* Assignment
Set down exactly, from the records below, the line with "#125=IFCINDEXEDPOLYGONALFACE((1,3,7,5));" through the line with "#152=IFCINDEXEDPOLYGONALFACE((3,4,8,7));", and nothing else.

* Data for the task
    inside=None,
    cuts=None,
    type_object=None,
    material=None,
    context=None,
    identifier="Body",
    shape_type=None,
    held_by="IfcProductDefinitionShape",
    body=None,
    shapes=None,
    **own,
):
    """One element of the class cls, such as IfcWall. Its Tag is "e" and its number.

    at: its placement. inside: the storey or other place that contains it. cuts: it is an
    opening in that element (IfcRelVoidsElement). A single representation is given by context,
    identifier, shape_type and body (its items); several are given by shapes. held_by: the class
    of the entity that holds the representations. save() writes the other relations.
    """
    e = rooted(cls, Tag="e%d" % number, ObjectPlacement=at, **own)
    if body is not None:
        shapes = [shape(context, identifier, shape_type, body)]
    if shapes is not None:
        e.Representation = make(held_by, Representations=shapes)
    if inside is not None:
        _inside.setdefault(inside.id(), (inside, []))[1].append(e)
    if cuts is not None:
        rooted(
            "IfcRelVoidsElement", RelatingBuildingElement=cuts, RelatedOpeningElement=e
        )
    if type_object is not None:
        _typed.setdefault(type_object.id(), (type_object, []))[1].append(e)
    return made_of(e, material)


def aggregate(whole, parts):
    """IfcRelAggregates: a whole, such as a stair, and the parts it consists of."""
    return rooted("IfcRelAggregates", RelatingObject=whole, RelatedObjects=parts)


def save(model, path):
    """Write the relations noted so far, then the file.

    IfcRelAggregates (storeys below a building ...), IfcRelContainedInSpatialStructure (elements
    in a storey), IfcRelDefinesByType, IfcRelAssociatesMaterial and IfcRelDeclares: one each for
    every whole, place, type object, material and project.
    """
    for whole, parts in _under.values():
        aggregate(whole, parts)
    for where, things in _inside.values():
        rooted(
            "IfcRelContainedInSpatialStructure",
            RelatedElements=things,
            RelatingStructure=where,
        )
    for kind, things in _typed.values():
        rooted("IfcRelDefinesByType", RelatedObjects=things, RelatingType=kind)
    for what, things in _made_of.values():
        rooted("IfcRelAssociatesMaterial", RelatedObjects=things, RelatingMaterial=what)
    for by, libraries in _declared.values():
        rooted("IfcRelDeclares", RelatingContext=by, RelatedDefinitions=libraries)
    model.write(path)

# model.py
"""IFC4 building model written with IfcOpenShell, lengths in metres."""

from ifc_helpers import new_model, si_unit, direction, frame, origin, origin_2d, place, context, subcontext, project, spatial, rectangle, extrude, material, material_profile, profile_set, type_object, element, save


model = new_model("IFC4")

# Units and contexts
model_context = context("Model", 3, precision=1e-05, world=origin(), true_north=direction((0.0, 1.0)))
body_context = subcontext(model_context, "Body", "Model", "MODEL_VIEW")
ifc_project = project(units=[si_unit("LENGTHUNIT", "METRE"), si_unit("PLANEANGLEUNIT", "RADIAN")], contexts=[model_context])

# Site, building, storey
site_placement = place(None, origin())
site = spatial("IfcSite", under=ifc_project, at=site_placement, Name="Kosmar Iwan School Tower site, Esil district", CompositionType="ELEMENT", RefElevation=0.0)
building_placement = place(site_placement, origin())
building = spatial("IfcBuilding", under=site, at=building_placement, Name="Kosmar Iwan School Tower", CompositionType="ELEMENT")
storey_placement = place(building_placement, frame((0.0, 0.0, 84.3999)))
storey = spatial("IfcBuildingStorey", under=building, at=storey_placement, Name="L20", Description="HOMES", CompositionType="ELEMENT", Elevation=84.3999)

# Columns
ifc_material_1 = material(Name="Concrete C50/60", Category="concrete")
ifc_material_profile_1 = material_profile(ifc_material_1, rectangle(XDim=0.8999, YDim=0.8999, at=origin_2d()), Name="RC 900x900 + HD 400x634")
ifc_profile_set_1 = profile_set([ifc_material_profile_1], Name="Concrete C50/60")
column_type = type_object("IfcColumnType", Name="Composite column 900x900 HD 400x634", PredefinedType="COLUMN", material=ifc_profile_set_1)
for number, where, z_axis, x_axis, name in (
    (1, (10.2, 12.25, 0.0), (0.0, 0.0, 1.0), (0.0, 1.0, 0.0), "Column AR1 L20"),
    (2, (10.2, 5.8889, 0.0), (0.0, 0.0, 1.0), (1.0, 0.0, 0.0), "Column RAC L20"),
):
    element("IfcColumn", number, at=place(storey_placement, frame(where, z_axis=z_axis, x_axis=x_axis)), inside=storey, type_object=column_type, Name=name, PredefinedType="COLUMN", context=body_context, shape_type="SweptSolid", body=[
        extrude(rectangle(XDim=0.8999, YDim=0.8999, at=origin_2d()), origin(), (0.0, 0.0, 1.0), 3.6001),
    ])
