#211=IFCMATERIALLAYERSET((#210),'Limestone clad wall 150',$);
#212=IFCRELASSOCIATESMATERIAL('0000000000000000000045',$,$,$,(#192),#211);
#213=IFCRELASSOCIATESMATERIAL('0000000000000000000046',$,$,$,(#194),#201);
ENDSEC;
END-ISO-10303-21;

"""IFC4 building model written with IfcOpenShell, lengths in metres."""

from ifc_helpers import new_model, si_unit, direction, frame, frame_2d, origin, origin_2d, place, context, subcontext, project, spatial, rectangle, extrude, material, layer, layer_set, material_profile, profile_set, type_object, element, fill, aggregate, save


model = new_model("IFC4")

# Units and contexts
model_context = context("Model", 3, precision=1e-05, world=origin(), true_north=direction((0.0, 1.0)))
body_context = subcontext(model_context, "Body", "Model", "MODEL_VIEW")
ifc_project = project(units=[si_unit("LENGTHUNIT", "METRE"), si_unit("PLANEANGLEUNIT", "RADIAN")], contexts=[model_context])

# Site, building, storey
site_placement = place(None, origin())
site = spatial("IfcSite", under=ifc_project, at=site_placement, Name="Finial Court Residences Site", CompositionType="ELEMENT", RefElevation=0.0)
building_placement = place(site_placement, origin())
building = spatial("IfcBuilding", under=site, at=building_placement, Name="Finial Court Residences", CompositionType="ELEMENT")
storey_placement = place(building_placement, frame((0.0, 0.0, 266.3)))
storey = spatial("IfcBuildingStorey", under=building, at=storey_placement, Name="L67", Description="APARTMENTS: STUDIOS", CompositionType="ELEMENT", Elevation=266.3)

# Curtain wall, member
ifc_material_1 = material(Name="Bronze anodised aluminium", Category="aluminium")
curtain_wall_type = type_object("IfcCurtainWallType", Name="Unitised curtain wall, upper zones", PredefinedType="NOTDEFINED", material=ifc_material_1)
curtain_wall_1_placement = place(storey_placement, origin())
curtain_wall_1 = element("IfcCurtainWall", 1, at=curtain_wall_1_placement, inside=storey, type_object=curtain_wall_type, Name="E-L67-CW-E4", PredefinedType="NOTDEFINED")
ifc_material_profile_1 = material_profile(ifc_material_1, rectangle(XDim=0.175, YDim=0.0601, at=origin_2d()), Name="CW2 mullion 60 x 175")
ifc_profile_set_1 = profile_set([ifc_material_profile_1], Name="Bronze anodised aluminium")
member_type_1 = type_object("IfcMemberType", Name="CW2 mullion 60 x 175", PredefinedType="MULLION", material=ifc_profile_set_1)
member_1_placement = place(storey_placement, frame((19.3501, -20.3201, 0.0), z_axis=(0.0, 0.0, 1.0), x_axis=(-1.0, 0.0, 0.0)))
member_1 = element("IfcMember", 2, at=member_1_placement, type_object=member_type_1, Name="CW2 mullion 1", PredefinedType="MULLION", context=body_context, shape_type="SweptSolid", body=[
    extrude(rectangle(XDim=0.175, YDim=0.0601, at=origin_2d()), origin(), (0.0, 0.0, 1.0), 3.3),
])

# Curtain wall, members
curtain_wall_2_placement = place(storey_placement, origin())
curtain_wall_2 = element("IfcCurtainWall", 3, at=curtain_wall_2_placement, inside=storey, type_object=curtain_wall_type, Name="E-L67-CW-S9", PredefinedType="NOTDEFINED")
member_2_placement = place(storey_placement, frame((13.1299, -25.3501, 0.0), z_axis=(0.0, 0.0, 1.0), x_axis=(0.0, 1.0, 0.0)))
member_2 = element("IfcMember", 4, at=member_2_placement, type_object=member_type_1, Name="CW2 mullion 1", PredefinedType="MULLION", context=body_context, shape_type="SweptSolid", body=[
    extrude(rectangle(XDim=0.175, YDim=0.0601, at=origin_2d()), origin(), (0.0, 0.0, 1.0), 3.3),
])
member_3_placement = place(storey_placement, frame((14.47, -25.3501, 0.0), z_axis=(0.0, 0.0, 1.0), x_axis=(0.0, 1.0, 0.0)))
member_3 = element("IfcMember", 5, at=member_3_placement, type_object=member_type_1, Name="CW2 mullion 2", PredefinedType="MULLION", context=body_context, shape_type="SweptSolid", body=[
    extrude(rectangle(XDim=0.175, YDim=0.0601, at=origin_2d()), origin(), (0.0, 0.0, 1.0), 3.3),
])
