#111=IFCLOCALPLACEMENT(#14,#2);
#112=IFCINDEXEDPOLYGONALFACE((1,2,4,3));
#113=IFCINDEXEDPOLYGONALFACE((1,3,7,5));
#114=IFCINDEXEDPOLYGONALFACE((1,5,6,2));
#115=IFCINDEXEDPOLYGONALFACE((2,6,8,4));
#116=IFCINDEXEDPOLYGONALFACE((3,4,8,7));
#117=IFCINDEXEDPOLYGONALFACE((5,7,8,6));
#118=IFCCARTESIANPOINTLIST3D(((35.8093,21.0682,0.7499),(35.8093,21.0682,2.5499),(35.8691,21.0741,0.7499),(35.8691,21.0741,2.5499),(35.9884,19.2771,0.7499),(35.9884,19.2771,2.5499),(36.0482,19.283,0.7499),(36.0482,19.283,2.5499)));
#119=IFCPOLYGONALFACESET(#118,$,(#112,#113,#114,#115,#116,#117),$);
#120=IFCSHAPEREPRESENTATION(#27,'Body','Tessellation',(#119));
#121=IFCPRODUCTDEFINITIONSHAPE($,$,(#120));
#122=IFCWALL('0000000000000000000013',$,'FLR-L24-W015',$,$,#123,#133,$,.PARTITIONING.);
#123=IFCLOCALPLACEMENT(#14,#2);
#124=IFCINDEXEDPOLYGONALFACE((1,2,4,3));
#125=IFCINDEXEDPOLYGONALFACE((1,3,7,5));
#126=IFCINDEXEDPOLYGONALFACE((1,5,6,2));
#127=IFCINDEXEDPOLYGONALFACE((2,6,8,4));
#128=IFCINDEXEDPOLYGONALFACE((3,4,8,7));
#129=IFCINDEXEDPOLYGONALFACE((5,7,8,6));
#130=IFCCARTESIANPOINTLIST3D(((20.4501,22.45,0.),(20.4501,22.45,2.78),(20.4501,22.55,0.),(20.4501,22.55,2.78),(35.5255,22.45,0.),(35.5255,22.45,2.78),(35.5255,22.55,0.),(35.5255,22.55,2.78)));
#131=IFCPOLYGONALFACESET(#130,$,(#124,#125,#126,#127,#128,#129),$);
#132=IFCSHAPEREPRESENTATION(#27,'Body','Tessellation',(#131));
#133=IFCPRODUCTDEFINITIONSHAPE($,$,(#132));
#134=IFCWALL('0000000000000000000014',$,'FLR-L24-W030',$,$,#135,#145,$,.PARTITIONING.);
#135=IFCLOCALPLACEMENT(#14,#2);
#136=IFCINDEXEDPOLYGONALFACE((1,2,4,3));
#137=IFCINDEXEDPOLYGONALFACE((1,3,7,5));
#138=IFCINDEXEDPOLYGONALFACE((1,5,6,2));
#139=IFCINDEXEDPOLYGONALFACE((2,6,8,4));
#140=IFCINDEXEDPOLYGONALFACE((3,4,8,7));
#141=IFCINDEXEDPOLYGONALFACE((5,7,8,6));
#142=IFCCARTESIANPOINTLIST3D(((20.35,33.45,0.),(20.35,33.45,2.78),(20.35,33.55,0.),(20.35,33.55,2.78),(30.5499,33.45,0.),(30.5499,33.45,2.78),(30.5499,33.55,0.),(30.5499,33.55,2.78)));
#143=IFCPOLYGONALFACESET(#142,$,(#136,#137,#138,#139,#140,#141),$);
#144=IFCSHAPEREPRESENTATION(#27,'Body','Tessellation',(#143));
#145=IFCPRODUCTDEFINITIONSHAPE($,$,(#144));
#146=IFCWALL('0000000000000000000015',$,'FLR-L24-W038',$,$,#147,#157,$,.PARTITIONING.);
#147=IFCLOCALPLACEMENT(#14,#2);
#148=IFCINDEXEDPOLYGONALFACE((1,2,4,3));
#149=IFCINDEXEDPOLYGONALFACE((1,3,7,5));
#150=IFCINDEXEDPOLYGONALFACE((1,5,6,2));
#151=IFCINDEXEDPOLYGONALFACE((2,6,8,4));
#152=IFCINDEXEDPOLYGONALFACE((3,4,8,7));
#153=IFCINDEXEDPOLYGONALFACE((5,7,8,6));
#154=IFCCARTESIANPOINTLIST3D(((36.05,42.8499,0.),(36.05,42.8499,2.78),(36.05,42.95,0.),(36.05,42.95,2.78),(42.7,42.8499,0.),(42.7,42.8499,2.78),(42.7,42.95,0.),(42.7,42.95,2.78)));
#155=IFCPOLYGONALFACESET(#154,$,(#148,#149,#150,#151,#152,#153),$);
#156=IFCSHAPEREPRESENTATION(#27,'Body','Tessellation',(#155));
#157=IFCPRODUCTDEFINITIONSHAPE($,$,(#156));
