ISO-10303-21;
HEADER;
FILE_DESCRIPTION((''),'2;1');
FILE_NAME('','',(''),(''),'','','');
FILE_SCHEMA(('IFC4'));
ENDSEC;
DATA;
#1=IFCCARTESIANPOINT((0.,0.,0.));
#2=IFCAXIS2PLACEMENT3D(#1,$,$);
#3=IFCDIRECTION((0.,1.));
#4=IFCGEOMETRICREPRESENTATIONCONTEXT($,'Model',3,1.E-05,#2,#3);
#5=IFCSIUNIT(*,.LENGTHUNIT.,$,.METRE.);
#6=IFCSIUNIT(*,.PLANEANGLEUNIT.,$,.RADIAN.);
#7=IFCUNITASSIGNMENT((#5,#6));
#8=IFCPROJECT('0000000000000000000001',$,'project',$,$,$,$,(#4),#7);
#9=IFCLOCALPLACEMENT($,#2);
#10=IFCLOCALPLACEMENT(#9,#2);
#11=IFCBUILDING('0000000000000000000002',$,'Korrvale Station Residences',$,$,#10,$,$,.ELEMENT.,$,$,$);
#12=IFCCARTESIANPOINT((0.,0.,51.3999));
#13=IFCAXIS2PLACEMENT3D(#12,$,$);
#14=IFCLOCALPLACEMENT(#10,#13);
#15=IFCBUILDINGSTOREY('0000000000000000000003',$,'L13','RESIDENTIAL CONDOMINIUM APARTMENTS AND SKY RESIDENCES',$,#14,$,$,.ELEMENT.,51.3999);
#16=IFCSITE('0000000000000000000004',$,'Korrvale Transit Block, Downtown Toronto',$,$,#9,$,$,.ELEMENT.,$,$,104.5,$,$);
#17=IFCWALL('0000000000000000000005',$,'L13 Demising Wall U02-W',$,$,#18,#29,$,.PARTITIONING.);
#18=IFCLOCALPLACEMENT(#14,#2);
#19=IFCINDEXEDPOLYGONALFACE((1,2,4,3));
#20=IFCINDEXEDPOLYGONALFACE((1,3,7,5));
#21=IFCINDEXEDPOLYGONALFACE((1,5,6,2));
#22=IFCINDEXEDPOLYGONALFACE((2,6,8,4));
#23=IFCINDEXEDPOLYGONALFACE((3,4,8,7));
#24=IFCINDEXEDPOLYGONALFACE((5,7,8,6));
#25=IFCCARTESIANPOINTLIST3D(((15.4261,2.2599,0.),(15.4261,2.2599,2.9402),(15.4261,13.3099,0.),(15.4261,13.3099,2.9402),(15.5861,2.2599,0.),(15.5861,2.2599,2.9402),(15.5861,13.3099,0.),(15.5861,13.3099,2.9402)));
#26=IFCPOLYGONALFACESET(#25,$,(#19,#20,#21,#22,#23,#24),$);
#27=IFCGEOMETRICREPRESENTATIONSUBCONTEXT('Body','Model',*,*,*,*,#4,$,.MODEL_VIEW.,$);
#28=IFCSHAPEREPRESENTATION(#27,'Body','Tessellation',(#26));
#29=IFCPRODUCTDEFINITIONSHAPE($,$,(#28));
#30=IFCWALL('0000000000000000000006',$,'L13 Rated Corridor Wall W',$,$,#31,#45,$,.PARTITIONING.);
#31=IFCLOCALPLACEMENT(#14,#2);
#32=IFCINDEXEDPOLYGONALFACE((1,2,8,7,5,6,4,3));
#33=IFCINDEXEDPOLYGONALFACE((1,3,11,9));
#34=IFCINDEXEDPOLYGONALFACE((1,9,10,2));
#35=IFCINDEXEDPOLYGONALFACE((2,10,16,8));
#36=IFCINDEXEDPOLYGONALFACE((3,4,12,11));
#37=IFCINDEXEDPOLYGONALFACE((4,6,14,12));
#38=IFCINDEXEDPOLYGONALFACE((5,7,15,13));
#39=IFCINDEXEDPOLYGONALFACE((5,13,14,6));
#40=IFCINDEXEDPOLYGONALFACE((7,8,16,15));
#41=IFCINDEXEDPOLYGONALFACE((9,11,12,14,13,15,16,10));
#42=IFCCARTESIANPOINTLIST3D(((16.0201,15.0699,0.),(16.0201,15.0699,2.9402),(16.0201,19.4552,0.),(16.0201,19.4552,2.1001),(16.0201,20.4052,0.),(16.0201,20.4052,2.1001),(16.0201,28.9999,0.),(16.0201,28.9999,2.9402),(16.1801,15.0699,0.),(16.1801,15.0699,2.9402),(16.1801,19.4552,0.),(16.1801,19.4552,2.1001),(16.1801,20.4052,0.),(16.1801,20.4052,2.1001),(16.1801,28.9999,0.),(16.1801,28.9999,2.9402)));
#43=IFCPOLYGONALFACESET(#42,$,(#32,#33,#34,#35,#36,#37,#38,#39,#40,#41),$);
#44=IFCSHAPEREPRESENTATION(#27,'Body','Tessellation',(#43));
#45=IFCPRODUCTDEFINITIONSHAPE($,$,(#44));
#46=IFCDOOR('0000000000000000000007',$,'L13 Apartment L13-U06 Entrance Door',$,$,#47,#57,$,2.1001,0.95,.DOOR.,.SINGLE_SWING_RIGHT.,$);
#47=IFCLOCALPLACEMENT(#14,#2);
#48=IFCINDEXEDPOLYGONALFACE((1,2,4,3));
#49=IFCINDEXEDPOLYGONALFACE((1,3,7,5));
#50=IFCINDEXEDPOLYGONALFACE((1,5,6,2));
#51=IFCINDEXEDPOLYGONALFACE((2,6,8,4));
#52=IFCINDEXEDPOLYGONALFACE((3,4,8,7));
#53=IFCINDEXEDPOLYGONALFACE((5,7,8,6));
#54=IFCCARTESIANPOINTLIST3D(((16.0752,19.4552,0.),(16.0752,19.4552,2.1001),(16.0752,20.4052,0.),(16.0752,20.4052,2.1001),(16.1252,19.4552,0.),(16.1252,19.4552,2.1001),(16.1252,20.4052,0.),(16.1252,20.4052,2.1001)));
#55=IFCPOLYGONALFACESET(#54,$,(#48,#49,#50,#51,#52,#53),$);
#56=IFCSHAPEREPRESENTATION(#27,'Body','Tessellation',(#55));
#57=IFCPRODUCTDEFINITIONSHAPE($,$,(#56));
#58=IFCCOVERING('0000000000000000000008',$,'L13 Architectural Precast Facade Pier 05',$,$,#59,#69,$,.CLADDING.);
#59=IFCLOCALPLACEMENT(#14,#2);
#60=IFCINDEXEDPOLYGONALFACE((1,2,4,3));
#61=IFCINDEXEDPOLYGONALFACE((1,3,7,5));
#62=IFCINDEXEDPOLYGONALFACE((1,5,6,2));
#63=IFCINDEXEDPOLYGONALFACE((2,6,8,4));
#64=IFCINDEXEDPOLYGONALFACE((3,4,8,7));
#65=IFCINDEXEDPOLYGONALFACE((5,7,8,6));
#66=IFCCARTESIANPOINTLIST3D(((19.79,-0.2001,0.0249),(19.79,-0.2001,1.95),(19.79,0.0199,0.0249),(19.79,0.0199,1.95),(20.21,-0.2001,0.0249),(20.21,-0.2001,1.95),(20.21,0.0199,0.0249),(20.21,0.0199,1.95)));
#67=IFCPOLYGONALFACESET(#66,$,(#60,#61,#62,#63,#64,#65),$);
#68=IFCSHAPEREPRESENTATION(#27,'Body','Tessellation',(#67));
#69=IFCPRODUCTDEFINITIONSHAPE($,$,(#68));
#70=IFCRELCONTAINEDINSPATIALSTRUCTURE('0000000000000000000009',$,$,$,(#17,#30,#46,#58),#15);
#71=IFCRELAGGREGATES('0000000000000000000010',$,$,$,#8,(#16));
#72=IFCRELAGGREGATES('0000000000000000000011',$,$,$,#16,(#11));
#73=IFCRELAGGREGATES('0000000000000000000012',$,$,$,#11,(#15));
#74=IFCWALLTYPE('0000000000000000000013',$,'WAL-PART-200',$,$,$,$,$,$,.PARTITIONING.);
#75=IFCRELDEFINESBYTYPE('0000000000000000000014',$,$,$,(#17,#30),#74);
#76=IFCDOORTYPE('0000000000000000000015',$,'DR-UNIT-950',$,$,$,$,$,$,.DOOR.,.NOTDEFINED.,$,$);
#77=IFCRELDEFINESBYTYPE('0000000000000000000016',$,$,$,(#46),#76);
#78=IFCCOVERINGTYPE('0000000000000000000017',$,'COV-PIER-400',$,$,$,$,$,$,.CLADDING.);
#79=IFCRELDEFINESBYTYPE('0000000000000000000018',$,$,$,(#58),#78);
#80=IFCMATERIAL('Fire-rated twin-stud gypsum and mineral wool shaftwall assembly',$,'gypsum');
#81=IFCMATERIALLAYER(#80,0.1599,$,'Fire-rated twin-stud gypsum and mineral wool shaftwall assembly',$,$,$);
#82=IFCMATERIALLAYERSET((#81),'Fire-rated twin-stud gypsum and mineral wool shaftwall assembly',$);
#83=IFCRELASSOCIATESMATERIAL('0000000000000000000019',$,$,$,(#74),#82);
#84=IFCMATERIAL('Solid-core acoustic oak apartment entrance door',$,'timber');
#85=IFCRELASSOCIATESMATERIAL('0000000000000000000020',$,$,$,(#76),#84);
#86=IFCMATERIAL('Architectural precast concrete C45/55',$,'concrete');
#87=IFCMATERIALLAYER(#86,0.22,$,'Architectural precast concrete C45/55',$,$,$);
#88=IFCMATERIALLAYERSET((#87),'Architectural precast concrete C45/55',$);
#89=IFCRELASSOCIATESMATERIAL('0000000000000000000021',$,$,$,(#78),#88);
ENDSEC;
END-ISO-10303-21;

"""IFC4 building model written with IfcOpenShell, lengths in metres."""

from ifc_helpers import new_model, si_unit, direction, frame, frame_2d, origin, origin_2d, place, context, subcontext, project, spatial, rectangle, extrude, material, layer, layer_set, type_object, element, fill, save


model = new_model("IFC4")

# Units and contexts
model_context = context("Model", 3, precision=1e-05, world=origin(), true_north=direction((0.0, 1.0)))
body_context = subcontext(model_context, "Body", "Model", "MODEL_VIEW")
ifc_project = project(units=[si_unit("LENGTHUNIT", "METRE"), si_unit("PLANEANGLEUNIT", "RADIAN")], contexts=[model_context])

# Site, building, storey
site_placement = place(None, origin())
site = spatial("IfcSite", under=ifc_project, at=site_placement, Name="Korrvale Transit Block, Downtown Toronto", CompositionType="ELEMENT", RefElevation=104.5)
building_placement = place(site_placement, origin())
building = spatial("IfcBuilding", under=site, at=building_placement, Name="Korrvale Station Residences", CompositionType="ELEMENT")
storey_placement = place(building_placement, frame((0.0, 0.0, 51.3999)))
storey = spatial("IfcBuildingStorey", under=building, at=storey_placement, Name="L13", Description="RESIDENTIAL CONDOMINIUM APARTMENTS AND SKY RESIDENCES", CompositionType="ELEMENT", Elevation=51.3999)

# Shared definitions
ifc_material_1 = material(Name="Fire-rated twin-stud gypsum and mineral wool shaftwall assembly", Category="gypsum")
ifc_layer_1 = layer(ifc_material_1, 0.1599, Name="Fire-rated twin-stud gypsum and mineral wool shaftwall assembly")
ifc_layer_set_1 = layer_set([ifc_layer_1], Name="Fire-rated twin-stud gypsum and mineral wool shaftwall assembly")
wall_type_1 = type_object("IfcWallType", Name="WAL-PART-200", PredefinedType="PARTITIONING", material=ifc_layer_set_1)

# Wall
wall_1_placement = place(storey_placement, frame((15.5061, 2.26, 0.0), z_axis=(0.0, 0.0, 1.0), x_axis=(0.0, 1.0, 0.0)))
element("IfcWall", 1, at=wall_1_placement, inside=storey, type_object=wall_type_1, Name="L13 Demising Wall U02-W", PredefinedType="PARTITIONING", context=body_context, shape_type="SweptSolid", body=[
    extrude(rectangle(XDim=11.05, YDim=0.1599, at=frame_2d((5.5249, 0.0))), origin(), (0.0, 0.0, 1.0), 2.9402),
])

# Wall, opening, door
wall_2_placement = place(storey_placement, frame((16.1001, 15.0701, 0.0), z_axis=(0.0, 0.0, 1.0), x_axis=(0.0, 1.0, 0.0)))
wall_2 = element("IfcWall", 2, at=wall_2_placement, inside=storey, type_object=wall_type_1, Name="L13 Rated Corridor Wall W", PredefinedType="PARTITIONING", context=body_context, shape_type="SweptSolid", body=[
    extrude(rectangle(XDim=13.9299, YDim=0.1599, at=frame_2d((6.9648, 0.0))), origin(), (0.0, 0.0, 1.0), 2.9402),
])
opening_1_placement = place(wall_2_placement, frame((4.385, 0.0, 0.0)))
opening_1 = element("IfcOpeningElement", 3, at=opening_1_placement, cuts=wall_2, PredefinedType="OPENING", context=body_context, shape_type="SweptSolid", body=[
    extrude(rectangle(XDim=0.95, YDim=2.1001, at=frame_2d((0.4751, 1.05))), frame((0.0, 0.0898, 0.0), z_axis=(0.0, -1.0, 0.0), x_axis=(1.0, 0.0, 0.0)), (0.0, 0.0, 1.0), 0.1799),
])
ifc_material_2 = material(Name="Solid-core acoustic oak apartment entrance door", Category="timber")
door_type_1 = type_object("IfcDoorType", Name="DR-UNIT-950", OperationType="NOTDEFINED", PredefinedType="DOOR", material=ifc_material_2)
door_1_placement = place(opening_1_placement, origin())
door_1 = element("IfcDoor", 4, at=door_1_placement, inside=storey, type_object=door_type_1, Name="L13 Apartment L13-U06 Entrance Door", OperationType="SINGLE_SWING_RIGHT", OverallHeight=2.1001, OverallWidth=0.95, PredefinedType="DOOR", context=body_context, shape_type="SweptSolid", body=[
    extrude(rectangle(XDim=0.95, YDim=2.1001, at=frame_2d((0.4751, 1.05))), frame((0.0, 0.0249, 0.0), z_axis=(0.0, -1.0, 0.0), x_axis=(1.0, 0.0, 0.0)), (0.0, 0.0, 1.0), 0.05),
])
fill(opening_1, door_1)

# Covering
ifc_material_3 = material(Name="Architectural precast concrete C45/55", Category="concrete")
ifc_layer_2 = layer(ifc_material_3, 0.22, Name="Architectural precast concrete C45/55")
ifc_layer_set_2 = layer_set([ifc_layer_2], Name="Architectural precast concrete C45/55")
covering_type = type_object("IfcCoveringType", Name="COV-PIER-400", PredefinedType="CLADDING", material=ifc_layer_set_2)
covering_placement = place(storey_placement, frame((20.0, -0.0901, 0.0249), z_axis=(0.0, 0.0, 1.0), x_axis=(1.0, 0.0, 0.0)))
element("IfcCovering", 5, at=covering_placement, inside=storey, type_object=covering_type, Name="L13 Architectural Precast Facade Pier 05", PredefinedType="CLADDING", context=body_context, shape_type="SweptSolid", body=[
    extrude(rectangle(XDim=0.4199, YDim=0.22, at=origin_2d()), origin(), (0.0, 0.0, 1.0), 1.925),
])

save(model, "model.ifc")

* Reply
#125=IFCINDEXEDPOLYGONALFACE((1,3,7,5));
#126=IFCINDEXEDPOLYGONALFACE((1,5,6,2));
#127=IFCINDEXEDPOLYGONALFACE((2,6,8,4));
#128=IFCINDEXEDPOLYGONALFACE((3,4,8,7));
#129=IFCINDEXEDPOLYGONALFACE((5,7,8,6));
#130=IFCCARTESIANPOINTLIST3D(((20.4501,22.45,0.),(20.4501,22.45,2.78),(20.4501,22.55,0.),(20.4501,22.55,2.78),(35.5255,22.45,0.),(35.5255,22.45,2.78),(35.5255,22.55,0.),(35.5255,22.55,2.78)));
#131=IFCPOLYGONALFACESET(#130,$,(#124,#125,#126,#127,#128,#129),$);
#132=IFCSHAPEREPRESENTATION(#27,'Body','Tessellation',(#131));
#133=IFCPRODUCTDEFINITIONSHAPE($,$,(#132));
#134=IFCWALL('0000000000000000000014',$,'FLR-L24-W030',$,$,#135,#145,$,.PARTITIONING.);
#135=IFCLOCALPLACEMENT(#14,#2);
#136=IFCINDEXEDPOLYGONALFACE((1,2,4,3));
#137=IFCINDEXEDPOLYGONALFACE((1,3,7,5));
#138=IFCINDEXEDPOLYGONALFACE((1,5,6,2));
#139=IFCINDEXEDPOLYGONALFACE((2,6,8,4));
#140=IFCINDEXEDPOLYGONALFACE((3,4,8,7));
#141=IFCINDEXEDPOLYGONALFACE((5,7,8,6));
#142=IFCCARTESIANPOINTLIST3D(((20.35,33.45,0.),(20.35,33.45,2.78),(20.35,33.55,0.),(20.35,33.55,2.78),(30.5499,33.45,0.),(30.5499,33.45,2.78),(30.5499,33.55,0.),(30.5499,33.55,2.78)));
#143=IFCPOLYGONALFACESET(#142,$,(#136,#137,#138,#139,#140,#141),$);
#144=IFCSHAPEREPRESENTATION(#27,'Body','Tessellation',(#143));
#145=IFCPRODUCTDEFINITIONSHAPE($,$,(#144));
#146=IFCWALL('0000000000000000000015',$,'FLR-L24-W038',$,$,#147,#157,$,.PARTITIONING.);
#147=IFCLOCALPLACEMENT(#14,#2);
#148=IFCINDEXEDPOLYGONALFACE((1,2,4,3));
#149=IFCINDEXEDPOLYGONALFACE((1,3,7,5));
#150=IFCINDEXEDPOLYGONALFACE((1,5,6,2));
#151=IFCINDEXEDPOLYGONALFACE((2,6,8,4));
#152=IFCINDEXEDPOLYGONALFACE((3,4,8,7));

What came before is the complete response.